§ GIVEN RECORDS
▬▬▬

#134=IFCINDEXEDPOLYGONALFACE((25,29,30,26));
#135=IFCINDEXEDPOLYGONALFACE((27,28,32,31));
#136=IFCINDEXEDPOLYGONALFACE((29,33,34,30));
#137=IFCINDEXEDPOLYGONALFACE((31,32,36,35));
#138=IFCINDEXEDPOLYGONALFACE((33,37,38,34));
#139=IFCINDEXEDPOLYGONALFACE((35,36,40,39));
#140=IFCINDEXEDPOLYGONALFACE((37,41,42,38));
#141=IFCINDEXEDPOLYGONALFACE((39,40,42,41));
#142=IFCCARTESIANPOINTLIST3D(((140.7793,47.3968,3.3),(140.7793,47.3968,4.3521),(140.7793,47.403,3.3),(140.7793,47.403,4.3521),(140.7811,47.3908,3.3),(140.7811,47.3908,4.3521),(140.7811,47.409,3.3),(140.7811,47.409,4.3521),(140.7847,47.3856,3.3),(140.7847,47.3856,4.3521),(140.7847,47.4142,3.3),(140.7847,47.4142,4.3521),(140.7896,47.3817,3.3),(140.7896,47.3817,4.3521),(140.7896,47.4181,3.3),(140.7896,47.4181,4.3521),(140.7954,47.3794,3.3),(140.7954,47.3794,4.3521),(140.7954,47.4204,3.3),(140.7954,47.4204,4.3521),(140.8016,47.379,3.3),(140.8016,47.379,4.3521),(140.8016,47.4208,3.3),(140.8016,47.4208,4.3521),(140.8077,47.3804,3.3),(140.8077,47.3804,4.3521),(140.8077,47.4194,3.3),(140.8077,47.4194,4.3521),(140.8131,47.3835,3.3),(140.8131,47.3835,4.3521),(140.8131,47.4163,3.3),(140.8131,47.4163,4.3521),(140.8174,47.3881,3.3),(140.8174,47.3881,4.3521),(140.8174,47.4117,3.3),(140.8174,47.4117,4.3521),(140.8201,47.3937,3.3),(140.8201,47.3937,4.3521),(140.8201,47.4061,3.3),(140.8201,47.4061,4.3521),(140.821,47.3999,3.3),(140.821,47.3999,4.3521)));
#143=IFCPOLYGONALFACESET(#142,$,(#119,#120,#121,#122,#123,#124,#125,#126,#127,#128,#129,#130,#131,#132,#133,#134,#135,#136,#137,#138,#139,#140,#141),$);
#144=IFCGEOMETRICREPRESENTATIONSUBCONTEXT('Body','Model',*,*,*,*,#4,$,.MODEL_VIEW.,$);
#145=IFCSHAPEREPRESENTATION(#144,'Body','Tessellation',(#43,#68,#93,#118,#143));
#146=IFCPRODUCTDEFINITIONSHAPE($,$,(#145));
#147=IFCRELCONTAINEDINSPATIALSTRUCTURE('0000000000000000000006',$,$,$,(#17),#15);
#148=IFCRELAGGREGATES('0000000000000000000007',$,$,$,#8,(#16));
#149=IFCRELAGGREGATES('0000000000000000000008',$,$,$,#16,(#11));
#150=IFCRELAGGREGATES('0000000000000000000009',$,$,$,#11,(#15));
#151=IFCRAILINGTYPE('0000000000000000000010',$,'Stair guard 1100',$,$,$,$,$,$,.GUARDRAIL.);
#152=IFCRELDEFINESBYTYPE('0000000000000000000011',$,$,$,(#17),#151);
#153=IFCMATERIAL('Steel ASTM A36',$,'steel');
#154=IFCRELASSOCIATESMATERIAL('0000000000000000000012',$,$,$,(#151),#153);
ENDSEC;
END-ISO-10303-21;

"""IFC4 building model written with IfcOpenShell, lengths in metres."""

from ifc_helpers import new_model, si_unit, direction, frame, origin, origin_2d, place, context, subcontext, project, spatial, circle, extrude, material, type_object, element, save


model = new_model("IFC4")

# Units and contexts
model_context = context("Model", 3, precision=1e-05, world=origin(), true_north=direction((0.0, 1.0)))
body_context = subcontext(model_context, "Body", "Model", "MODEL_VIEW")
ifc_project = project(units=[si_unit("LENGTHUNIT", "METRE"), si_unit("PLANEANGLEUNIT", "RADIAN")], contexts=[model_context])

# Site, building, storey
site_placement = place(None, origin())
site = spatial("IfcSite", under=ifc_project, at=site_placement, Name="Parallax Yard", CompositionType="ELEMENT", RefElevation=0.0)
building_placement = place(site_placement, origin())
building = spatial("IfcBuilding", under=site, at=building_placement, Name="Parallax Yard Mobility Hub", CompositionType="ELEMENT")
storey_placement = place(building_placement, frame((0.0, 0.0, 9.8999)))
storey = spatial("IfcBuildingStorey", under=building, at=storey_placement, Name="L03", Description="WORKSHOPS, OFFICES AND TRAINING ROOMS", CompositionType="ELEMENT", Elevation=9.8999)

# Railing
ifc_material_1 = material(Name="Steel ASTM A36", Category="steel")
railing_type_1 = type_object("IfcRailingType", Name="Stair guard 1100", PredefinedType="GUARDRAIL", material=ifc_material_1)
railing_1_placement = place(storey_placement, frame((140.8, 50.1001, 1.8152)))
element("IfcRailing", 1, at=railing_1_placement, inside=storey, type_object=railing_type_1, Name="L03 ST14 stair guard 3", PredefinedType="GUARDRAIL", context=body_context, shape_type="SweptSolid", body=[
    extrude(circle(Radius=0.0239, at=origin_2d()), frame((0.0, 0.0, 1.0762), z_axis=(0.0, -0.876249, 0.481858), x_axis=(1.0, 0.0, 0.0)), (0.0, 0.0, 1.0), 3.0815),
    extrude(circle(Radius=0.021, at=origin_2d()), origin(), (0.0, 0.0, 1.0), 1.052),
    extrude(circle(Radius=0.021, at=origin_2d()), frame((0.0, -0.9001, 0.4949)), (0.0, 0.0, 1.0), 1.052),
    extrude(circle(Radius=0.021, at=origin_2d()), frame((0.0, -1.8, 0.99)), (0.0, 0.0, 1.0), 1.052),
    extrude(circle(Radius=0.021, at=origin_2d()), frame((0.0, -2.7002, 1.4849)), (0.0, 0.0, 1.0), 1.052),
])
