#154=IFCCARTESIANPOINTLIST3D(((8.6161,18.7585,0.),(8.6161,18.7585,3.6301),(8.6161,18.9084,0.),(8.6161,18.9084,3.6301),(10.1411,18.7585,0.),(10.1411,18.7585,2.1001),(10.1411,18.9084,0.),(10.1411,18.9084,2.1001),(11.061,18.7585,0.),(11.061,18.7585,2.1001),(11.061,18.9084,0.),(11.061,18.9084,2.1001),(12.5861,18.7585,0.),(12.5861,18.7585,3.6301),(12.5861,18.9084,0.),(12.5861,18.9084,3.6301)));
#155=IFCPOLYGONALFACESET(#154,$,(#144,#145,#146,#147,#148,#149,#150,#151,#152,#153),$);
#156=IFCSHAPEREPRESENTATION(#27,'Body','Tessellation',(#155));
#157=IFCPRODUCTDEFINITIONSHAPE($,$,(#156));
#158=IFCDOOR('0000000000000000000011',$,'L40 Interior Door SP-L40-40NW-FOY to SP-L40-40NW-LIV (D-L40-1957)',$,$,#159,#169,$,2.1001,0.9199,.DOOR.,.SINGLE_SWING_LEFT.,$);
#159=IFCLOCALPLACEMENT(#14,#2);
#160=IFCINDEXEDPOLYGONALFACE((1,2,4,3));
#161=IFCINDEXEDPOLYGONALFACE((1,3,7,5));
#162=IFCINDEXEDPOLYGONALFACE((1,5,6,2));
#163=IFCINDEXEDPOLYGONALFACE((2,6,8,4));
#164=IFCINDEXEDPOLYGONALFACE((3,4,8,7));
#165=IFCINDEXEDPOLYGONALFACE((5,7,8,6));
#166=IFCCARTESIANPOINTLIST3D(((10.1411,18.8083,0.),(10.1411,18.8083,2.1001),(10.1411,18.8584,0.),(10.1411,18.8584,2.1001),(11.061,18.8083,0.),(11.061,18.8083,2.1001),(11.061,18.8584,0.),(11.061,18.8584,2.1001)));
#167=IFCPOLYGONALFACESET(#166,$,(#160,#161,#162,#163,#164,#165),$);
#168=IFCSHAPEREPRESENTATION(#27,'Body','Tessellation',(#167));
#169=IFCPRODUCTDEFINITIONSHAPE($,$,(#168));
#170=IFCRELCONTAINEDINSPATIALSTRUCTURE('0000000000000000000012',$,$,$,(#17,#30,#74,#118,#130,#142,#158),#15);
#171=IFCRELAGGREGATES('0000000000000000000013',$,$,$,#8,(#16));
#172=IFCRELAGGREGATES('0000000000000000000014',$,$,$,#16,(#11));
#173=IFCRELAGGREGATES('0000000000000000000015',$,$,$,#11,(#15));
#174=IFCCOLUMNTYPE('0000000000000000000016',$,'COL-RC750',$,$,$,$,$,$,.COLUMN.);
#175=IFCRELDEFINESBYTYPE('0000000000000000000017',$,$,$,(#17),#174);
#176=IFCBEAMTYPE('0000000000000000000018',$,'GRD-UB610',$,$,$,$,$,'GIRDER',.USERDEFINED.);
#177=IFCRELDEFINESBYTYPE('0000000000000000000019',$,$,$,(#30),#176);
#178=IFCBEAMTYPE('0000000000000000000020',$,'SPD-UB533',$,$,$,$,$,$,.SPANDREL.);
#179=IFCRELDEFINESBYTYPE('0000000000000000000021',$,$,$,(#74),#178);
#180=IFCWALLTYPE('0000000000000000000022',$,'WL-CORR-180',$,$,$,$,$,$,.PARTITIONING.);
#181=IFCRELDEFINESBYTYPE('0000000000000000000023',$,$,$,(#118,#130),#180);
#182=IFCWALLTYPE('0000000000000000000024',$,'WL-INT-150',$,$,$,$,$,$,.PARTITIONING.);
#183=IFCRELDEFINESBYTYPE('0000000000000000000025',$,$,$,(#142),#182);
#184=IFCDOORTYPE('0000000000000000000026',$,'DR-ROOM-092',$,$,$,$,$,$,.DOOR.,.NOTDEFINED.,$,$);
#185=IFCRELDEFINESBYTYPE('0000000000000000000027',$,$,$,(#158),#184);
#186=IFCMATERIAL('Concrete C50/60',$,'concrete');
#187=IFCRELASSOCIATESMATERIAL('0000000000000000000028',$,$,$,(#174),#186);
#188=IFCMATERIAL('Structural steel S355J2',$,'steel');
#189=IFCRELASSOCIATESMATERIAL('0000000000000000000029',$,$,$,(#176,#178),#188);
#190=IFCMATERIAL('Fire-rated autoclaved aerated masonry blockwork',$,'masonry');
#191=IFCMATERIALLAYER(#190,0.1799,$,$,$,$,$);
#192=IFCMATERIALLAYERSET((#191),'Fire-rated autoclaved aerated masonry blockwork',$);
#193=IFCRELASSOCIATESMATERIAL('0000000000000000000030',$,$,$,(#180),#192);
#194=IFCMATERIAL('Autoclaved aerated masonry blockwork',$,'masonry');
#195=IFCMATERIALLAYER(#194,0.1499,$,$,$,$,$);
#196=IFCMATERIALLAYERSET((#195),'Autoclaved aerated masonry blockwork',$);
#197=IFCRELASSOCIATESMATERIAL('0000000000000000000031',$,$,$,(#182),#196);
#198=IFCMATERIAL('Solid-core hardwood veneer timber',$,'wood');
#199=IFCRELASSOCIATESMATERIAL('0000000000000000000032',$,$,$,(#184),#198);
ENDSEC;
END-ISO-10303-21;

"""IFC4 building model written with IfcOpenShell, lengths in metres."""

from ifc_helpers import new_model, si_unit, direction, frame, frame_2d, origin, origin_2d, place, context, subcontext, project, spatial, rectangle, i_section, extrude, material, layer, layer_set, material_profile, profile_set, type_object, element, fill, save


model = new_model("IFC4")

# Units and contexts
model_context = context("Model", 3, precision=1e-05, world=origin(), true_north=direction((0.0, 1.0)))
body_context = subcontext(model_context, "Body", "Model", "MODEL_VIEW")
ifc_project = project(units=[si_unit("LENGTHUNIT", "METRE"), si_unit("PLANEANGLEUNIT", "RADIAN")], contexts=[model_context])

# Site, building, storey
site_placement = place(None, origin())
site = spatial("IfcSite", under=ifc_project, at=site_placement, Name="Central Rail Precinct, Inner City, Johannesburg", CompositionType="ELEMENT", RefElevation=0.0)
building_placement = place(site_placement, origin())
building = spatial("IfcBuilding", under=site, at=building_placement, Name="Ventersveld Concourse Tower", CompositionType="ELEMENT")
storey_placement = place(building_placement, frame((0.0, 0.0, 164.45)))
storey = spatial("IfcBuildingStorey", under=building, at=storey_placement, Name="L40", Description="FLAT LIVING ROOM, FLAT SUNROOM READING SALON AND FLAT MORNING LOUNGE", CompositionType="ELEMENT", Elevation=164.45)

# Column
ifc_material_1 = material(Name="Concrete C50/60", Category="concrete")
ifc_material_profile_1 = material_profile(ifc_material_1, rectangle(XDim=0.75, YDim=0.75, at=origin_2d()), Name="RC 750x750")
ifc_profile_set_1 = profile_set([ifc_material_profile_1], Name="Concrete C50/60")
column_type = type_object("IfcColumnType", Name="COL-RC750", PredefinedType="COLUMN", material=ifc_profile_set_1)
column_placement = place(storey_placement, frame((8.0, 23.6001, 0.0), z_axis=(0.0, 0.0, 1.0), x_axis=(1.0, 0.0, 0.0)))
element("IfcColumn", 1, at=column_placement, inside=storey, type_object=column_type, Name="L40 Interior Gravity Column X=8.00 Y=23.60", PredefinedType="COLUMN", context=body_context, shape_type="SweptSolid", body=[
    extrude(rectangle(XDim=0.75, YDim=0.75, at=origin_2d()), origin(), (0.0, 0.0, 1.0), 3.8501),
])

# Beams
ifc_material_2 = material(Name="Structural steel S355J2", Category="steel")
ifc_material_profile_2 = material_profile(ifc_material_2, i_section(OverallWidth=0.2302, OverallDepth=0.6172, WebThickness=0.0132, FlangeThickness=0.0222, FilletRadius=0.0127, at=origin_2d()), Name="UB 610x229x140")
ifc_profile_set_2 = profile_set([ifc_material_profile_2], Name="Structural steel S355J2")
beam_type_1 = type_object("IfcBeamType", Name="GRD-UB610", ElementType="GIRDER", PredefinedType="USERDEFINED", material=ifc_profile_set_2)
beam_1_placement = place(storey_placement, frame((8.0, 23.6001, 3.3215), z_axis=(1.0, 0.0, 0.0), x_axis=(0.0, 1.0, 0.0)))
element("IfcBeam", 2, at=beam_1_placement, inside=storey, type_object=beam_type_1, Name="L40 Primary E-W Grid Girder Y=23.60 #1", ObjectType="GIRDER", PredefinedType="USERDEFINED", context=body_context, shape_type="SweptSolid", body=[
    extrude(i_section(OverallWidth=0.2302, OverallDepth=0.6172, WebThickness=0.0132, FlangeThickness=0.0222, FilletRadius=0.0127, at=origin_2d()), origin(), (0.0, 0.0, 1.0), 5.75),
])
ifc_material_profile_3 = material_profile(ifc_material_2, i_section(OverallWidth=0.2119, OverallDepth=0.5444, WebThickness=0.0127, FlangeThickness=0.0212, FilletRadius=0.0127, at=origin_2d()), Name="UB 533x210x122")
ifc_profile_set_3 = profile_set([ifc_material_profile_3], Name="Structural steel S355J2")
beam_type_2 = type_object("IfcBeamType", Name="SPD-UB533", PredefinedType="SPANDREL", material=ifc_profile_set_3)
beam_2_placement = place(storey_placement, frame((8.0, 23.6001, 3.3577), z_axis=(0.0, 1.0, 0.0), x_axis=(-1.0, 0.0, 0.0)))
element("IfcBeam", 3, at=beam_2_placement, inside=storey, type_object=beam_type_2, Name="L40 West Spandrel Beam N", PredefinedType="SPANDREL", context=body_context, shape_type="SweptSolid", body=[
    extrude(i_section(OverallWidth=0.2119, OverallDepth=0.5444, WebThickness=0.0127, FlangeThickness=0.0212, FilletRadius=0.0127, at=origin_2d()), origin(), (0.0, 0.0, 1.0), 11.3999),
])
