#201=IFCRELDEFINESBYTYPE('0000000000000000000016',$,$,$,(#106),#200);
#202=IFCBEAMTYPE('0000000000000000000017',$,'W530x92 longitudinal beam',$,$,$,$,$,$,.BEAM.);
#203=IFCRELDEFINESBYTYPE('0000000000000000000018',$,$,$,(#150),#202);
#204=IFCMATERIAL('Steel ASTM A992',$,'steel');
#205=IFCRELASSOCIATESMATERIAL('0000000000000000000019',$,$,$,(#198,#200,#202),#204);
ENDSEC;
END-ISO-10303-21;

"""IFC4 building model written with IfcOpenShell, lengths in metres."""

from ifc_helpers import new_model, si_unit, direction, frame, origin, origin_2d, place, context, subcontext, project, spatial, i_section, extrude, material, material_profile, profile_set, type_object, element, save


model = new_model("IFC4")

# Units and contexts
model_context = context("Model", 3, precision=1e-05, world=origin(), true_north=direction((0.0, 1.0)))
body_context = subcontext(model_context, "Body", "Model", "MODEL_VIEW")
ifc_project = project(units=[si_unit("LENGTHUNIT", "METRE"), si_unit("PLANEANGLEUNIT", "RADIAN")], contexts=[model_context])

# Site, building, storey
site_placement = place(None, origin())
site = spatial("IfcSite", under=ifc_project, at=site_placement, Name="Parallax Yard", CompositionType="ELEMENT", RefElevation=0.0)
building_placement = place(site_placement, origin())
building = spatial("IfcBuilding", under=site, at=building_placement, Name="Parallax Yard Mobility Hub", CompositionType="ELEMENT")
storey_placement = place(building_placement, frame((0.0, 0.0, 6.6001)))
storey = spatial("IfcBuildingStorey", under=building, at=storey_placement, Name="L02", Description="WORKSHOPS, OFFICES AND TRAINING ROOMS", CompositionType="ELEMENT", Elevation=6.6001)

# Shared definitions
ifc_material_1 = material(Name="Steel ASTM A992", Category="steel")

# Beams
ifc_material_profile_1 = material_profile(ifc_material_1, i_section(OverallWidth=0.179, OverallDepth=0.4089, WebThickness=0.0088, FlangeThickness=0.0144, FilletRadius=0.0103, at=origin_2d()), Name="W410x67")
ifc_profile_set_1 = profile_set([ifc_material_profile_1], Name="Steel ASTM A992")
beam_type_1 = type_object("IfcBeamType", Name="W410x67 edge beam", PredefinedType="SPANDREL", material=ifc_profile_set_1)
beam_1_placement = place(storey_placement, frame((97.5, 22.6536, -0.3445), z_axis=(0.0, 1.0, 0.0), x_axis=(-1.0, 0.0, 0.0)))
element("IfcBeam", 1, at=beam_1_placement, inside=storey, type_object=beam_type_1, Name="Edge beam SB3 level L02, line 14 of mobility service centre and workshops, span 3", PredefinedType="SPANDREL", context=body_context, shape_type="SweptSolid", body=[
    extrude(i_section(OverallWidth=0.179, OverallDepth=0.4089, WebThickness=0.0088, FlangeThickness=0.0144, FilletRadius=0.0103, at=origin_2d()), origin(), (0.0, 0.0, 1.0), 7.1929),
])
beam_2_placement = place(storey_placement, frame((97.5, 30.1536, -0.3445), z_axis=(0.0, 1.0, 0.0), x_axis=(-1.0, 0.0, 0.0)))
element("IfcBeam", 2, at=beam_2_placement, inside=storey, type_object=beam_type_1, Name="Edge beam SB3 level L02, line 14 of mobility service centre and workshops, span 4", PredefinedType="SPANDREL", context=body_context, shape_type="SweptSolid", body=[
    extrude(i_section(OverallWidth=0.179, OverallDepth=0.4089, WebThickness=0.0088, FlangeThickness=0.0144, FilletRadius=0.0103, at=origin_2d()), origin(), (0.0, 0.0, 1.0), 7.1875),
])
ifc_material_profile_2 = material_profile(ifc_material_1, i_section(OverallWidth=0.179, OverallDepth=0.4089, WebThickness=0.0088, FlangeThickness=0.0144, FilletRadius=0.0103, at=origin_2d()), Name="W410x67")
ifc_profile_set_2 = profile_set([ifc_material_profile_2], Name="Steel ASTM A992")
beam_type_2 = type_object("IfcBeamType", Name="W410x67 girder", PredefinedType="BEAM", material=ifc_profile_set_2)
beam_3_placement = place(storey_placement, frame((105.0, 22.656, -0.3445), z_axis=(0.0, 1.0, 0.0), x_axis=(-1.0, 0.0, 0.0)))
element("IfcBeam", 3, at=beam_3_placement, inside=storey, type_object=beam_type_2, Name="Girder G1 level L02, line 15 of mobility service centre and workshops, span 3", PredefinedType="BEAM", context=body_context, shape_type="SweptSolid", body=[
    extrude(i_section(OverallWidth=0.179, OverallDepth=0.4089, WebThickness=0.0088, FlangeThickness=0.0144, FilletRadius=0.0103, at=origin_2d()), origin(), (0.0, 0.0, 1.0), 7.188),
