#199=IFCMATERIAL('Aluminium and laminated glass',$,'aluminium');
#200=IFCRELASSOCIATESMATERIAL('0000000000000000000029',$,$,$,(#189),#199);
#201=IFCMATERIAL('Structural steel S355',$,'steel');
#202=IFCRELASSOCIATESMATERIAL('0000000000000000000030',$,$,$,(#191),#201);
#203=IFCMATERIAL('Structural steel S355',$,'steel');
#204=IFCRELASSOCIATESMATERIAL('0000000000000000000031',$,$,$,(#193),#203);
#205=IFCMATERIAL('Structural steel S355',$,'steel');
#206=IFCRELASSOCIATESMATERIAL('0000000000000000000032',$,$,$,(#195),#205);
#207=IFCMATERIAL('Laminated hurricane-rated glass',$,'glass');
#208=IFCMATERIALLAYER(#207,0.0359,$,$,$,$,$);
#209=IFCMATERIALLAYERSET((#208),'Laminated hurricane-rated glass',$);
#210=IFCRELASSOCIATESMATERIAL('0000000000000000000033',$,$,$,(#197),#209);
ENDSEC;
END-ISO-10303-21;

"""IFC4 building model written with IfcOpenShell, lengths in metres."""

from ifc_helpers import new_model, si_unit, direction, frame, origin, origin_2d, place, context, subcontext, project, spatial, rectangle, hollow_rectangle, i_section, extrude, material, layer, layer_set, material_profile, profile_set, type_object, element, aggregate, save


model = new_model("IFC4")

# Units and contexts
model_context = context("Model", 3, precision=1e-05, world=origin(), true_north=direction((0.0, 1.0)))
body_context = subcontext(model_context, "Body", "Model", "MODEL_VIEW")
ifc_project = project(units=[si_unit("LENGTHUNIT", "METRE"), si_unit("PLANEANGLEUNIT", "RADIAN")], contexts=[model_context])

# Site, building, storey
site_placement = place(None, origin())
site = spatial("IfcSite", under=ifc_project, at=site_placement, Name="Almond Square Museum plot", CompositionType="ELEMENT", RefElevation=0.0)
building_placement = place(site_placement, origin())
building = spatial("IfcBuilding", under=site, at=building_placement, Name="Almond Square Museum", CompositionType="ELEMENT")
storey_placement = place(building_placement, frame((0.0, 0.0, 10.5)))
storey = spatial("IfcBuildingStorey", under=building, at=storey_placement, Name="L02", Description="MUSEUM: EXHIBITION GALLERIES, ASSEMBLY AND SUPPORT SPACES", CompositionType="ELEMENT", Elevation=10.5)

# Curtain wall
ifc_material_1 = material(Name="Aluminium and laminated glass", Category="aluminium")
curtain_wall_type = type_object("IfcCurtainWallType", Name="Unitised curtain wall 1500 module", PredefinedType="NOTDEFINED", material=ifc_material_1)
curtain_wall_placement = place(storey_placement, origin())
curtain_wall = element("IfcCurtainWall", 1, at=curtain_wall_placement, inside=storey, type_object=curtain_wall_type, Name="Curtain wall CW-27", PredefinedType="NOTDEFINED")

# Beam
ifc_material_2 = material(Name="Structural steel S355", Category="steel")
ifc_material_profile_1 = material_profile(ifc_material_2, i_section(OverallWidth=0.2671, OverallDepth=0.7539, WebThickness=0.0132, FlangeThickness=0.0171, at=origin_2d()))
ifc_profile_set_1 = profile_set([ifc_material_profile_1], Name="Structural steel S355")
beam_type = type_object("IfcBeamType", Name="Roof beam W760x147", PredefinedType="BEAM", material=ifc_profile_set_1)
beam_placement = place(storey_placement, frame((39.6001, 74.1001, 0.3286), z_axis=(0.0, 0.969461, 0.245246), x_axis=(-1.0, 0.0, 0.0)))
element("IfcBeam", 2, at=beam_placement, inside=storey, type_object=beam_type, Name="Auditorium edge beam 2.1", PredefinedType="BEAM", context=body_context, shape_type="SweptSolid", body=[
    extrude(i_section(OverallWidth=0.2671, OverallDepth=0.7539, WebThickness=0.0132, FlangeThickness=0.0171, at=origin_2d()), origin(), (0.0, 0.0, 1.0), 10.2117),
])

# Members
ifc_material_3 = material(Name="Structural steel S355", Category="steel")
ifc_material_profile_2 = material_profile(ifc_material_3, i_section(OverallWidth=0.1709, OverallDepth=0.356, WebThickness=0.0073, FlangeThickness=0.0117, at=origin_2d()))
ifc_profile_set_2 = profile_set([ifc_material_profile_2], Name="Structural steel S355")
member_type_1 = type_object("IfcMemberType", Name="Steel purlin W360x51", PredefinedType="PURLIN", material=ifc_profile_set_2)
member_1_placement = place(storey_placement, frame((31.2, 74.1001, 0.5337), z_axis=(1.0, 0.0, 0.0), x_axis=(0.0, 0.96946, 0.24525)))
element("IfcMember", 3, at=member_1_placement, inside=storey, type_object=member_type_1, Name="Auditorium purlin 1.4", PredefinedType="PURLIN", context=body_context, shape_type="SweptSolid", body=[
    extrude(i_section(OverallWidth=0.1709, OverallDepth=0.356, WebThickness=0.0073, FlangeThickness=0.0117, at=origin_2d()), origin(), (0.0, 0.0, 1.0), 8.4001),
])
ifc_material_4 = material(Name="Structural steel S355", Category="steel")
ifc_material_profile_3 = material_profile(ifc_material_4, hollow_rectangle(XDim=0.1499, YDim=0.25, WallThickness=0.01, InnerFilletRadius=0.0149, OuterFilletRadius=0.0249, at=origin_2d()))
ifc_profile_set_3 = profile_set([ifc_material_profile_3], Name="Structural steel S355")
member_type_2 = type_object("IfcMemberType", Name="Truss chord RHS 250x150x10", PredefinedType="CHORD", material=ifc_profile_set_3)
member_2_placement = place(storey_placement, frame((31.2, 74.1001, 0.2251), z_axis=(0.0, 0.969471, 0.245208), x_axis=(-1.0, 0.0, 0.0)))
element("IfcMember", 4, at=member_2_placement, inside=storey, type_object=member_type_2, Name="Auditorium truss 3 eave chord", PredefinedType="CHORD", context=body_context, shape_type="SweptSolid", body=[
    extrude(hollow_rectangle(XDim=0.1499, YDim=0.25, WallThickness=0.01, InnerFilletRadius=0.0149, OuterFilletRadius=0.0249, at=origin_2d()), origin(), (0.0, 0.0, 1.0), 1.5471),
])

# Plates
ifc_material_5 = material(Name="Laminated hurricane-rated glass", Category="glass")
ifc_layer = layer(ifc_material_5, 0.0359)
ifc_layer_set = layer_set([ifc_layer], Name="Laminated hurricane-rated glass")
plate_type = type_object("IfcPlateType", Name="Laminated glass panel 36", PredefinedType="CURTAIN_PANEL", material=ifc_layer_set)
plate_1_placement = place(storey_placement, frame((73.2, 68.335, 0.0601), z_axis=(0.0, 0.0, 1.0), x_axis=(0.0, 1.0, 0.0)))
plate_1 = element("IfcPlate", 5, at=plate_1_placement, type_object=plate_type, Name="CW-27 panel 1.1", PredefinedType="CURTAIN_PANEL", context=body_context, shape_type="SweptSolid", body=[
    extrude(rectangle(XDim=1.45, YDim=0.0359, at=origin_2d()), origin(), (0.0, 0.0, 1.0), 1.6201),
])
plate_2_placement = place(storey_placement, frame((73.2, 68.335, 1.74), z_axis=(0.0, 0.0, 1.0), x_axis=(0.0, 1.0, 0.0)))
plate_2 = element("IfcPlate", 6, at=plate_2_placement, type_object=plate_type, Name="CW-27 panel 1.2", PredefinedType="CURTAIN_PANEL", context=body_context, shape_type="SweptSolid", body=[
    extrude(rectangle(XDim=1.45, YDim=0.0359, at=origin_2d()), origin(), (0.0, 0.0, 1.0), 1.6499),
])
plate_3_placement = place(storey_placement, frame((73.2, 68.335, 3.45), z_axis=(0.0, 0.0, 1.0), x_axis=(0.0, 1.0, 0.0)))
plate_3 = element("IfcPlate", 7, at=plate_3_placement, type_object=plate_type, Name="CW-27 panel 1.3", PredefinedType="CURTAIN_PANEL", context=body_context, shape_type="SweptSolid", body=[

▬▬▬

Which of the lines in the data contain the string "Aluminium"? Return each one.

#199=IFCMATERIAL('Aluminium and laminated glass',$,'aluminium');
ifc_material_1 = material(Name="Aluminium and laminated glass", Category="aluminium")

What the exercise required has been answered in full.